Task statement: Each line of the material must appear again in the answer, exactly.

Exercise inputs:
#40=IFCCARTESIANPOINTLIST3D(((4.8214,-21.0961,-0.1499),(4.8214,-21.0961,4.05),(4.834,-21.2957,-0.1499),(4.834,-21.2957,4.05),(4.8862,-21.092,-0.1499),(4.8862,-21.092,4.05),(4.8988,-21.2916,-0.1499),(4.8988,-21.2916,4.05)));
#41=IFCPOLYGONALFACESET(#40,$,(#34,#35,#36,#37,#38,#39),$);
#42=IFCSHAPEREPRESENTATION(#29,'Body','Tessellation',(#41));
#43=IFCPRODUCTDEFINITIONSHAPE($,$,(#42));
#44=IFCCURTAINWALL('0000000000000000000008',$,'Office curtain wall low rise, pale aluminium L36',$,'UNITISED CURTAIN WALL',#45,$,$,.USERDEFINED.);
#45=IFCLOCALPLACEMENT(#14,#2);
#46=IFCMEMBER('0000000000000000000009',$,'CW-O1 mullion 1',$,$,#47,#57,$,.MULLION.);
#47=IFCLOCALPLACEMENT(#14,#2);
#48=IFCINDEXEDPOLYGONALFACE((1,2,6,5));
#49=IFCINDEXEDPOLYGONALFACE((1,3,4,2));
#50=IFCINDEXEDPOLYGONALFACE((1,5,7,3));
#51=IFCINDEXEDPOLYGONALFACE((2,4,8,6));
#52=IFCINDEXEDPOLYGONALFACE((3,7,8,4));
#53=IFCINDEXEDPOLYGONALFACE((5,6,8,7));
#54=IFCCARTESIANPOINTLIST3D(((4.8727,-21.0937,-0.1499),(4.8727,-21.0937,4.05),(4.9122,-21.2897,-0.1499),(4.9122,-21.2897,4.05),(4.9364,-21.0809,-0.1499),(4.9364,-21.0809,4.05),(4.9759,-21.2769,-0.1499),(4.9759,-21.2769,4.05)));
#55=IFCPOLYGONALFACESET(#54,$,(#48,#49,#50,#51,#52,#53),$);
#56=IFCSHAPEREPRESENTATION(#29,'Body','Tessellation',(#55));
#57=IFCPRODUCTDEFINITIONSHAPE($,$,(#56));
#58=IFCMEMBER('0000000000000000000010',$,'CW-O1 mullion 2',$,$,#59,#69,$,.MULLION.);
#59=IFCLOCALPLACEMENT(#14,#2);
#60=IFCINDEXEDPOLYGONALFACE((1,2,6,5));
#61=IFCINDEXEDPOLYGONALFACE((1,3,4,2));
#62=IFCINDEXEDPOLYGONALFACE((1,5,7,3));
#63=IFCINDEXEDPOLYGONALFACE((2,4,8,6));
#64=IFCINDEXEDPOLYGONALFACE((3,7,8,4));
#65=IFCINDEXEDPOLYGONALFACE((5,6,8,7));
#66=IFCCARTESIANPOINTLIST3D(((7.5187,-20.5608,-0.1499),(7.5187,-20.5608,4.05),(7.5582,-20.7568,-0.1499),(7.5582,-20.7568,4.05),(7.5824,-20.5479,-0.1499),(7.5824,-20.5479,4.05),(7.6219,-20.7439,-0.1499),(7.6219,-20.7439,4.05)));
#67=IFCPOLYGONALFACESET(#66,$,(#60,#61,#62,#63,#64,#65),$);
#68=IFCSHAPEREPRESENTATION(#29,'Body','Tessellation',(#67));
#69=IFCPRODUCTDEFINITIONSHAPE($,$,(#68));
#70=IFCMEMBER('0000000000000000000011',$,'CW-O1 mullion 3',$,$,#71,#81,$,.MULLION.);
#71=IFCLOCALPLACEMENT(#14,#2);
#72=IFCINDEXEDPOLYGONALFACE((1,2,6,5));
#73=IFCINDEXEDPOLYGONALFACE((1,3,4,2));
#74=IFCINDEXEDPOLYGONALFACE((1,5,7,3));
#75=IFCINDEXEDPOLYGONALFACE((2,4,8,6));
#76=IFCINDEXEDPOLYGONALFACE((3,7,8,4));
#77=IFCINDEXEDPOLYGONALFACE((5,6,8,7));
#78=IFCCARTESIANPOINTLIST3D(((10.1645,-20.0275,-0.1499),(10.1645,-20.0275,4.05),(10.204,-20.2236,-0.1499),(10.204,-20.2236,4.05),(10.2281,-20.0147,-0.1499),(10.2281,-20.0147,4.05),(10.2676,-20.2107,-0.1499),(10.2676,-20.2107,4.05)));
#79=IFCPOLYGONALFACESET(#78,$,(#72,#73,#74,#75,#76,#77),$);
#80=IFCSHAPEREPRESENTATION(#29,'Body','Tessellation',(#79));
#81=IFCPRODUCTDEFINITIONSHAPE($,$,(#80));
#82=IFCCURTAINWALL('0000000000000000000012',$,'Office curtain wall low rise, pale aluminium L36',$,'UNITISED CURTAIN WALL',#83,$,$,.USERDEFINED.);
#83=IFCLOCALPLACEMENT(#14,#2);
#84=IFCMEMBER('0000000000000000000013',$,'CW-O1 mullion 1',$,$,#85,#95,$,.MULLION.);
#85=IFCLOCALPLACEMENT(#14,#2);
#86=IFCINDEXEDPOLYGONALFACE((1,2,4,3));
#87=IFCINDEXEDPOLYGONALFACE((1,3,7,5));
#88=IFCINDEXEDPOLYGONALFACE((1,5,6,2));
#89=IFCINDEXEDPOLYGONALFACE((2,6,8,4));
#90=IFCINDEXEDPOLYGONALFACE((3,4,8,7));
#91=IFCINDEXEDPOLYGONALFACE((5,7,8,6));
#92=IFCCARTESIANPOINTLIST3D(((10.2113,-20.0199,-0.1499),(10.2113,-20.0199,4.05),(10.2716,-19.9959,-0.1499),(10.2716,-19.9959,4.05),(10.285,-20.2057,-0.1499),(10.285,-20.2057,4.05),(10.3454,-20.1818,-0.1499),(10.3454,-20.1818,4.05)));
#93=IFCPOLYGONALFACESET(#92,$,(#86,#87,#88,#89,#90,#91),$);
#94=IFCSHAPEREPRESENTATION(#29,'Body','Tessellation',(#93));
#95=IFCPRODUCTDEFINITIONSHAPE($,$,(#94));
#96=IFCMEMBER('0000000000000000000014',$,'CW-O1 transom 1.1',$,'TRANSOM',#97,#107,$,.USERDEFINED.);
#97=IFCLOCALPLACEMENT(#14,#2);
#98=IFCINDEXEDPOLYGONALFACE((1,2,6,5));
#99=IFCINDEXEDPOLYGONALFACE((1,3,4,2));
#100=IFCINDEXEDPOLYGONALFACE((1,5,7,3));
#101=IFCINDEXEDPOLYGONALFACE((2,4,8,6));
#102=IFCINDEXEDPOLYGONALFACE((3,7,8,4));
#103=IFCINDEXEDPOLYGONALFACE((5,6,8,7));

Exercise response:
#40=IFCCARTESIANPOINTLIST3D(((4.8214,-21.0961,-0.1499),(4.8214,-21.0961,4.05),(4.834,-21.2957,-0.1499),(4.834,-21.2957,4.05),(4.8862,-21.092,-0.1499),(4.8862,-21.092,4.05),(4.8988,-21.2916,-0.1499),(4.8988,-21.2916,4.05)));
#41=IFCPOLYGONALFACESET(#40,$,(#34,#35,#36,#37,#38,#39),$);
#42=IFCSHAPEREPRESENTATION(#29,'Body','Tessellation',(#41));
#43=IFCPRODUCTDEFINITIONSHAPE($,$,(#42));
#44=IFCCURTAINWALL('0000000000000000000008',$,'Office curtain wall low rise, pale aluminium L36',$,'UNITISED CURTAIN WALL',#45,$,$,.USERDEFINED.);
#45=IFCLOCALPLACEMENT(#14,#2);
#46=IFCMEMBER('0000000000000000000009',$,'CW-O1 mullion 1',$,$,#47,#57,$,.MULLION.);
#47=IFCLOCALPLACEMENT(#14,#2);
#48=IFCINDEXEDPOLYGONALFACE((1,2,6,5));
#49=IFCINDEXEDPOLYGONALFACE((1,3,4,2));
#50=IFCINDEXEDPOLYGONALFACE((1,5,7,3));
#51=IFCINDEXEDPOLYGONALFACE((2,4,8,6));
#52=IFCINDEXEDPOLYGONALFACE((3,7,8,4));
#53=IFCINDEXEDPOLYGONALFACE((5,6,8,7));
#54=IFCCARTESIANPOINTLIST3D(((4.8727,-21.0937,-0.1499),(4.8727,-21.0937,4.05),(4.9122,-21.2897,-0.1499),(4.9122,-21.2897,4.05),(4.9364,-21.0809,-0.1499),(4.9364,-21.0809,4.05),(4.9759,-21.2769,-0.1499),(4.9759,-21.2769,4.05)));
#55=IFCPOLYGONALFACESET(#54,$,(#48,#49,#50,#51,#52,#53),$);
#56=IFCSHAPEREPRESENTATION(#29,'Body','Tessellation',(#55));
#57=IFCPRODUCTDEFINITIONSHAPE($,$,(#56));
#58=IFCMEMBER('0000000000000000000010',$,'CW-O1 mullion 2',$,$,#59,#69,$,.MULLION.);
#59=IFCLOCALPLACEMENT(#14,#2);
#60=IFCINDEXEDPOLYGONALFACE((1,2,6,5));
#61=IFCINDEXEDPOLYGONALFACE((1,3,4,2));
#62=IFCINDEXEDPOLYGONALFACE((1,5,7,3));
#63=IFCINDEXEDPOLYGONALFACE((2,4,8,6));
#64=IFCINDEXEDPOLYGONALFACE((3,7,8,4));
#65=IFCINDEXEDPOLYGONALFACE((5,6,8,7));
#66=IFCCARTESIANPOINTLIST3D(((7.5187,-20.5608,-0.1499),(7.5187,-20.5608,4.05),(7.5582,-20.7568,-0.1499),(7.5582,-20.7568,4.05),(7.5824,-20.5479,-0.1499),(7.5824,-20.5479,4.05),(7.6219,-20.7439,-0.1499),(7.6219,-20.7439,4.05)));
#67=IFCPOLYGONALFACESET(#66,$,(#60,#61,#62,#63,#64,#65),$);
#68=IFCSHAPEREPRESENTATION(#29,'Body','Tessellation',(#67));
#69=IFCPRODUCTDEFINITIONSHAPE($,$,(#68));
#70=IFCMEMBER('0000000000000000000011',$,'CW-O1 mullion 3',$,$,#71,#81,$,.MULLION.);
#71=IFCLOCALPLACEMENT(#14,#2);
#72=IFCINDEXEDPOLYGONALFACE((1,2,6,5));
#73=IFCINDEXEDPOLYGONALFACE((1,3,4,2));
#74=IFCINDEXEDPOLYGONALFACE((1,5,7,3));
#75=IFCINDEXEDPOLYGONALFACE((2,4,8,6));
#76=IFCINDEXEDPOLYGONALFACE((3,7,8,4));
#77=IFCINDEXEDPOLYGONALFACE((5,6,8,7));
#78=IFCCARTESIANPOINTLIST3D(((10.1645,-20.0275,-0.1499),(10.1645,-20.0275,4.05),(10.204,-20.2236,-0.1499),(10.204,-20.2236,4.05),(10.2281,-20.0147,-0.1499),(10.2281,-20.0147,4.05),(10.2676,-20.2107,-0.1499),(10.2676,-20.2107,4.05)));
#79=IFCPOLYGONALFACESET(#78,$,(#72,#73,#74,#75,#76,#77),$);
#80=IFCSHAPEREPRESENTATION(#29,'Body','Tessellation',(#79));
#81=IFCPRODUCTDEFINITIONSHAPE($,$,(#80));
#82=IFCCURTAINWALL('0000000000000000000012',$,'Office curtain wall low rise, pale aluminium L36',$,'UNITISED CURTAIN WALL',#83,$,$,.USERDEFINED.);
#83=IFCLOCALPLACEMENT(#14,#2);
#84=IFCMEMBER('0000000000000000000013',$,'CW-O1 mullion 1',$,$,#85,#95,$,.MULLION.);
#85=IFCLOCALPLACEMENT(#14,#2);
#86=IFCINDEXEDPOLYGONALFACE((1,2,4,3));
#87=IFCINDEXEDPOLYGONALFACE((1,3,7,5));
#88=IFCINDEXEDPOLYGONALFACE((1,5,6,2));
#89=IFCINDEXEDPOLYGONALFACE((2,6,8,4));
#90=IFCINDEXEDPOLYGONALFACE((3,4,8,7));
#91=IFCINDEXEDPOLYGONALFACE((5,7,8,6));
#92=IFCCARTESIANPOINTLIST3D(((10.2113,-20.0199,-0.1499),(10.2113,-20.0199,4.05),(10.2716,-19.9959,-0.1499),(10.2716,-19.9959,4.05),(10.285,-20.2057,-0.1499),(10.285,-20.2057,4.05),(10.3454,-20.1818,-0.1499),(10.3454,-20.1818,4.05)));
#93=IFCPOLYGONALFACESET(#92,$,(#86,#87,#88,#89,#90,#91),$);
#94=IFCSHAPEREPRESENTATION(#29,'Body','Tessellation',(#93));
#95=IFCPRODUCTDEFINITIONSHAPE($,$,(#94));
#96=IFCMEMBER('0000000000000000000014',$,'CW-O1 transom 1.1',$,'TRANSOM',#97,#107,$,.USERDEFINED.);
#97=IFCLOCALPLACEMENT(#14,#2);
#98=IFCINDEXEDPOLYGONALFACE((1,2,6,5));
#99=IFCINDEXEDPOLYGONALFACE((1,3,4,2));
#100=IFCINDEXEDPOLYGONALFACE((1,5,7,3));
#101=IFCINDEXEDPOLYGONALFACE((2,4,8,6));
#102=IFCINDEXEDPOLYGONALFACE((3,7,8,4));
#103=IFCINDEXEDPOLYGONALFACE((5,6,8,7));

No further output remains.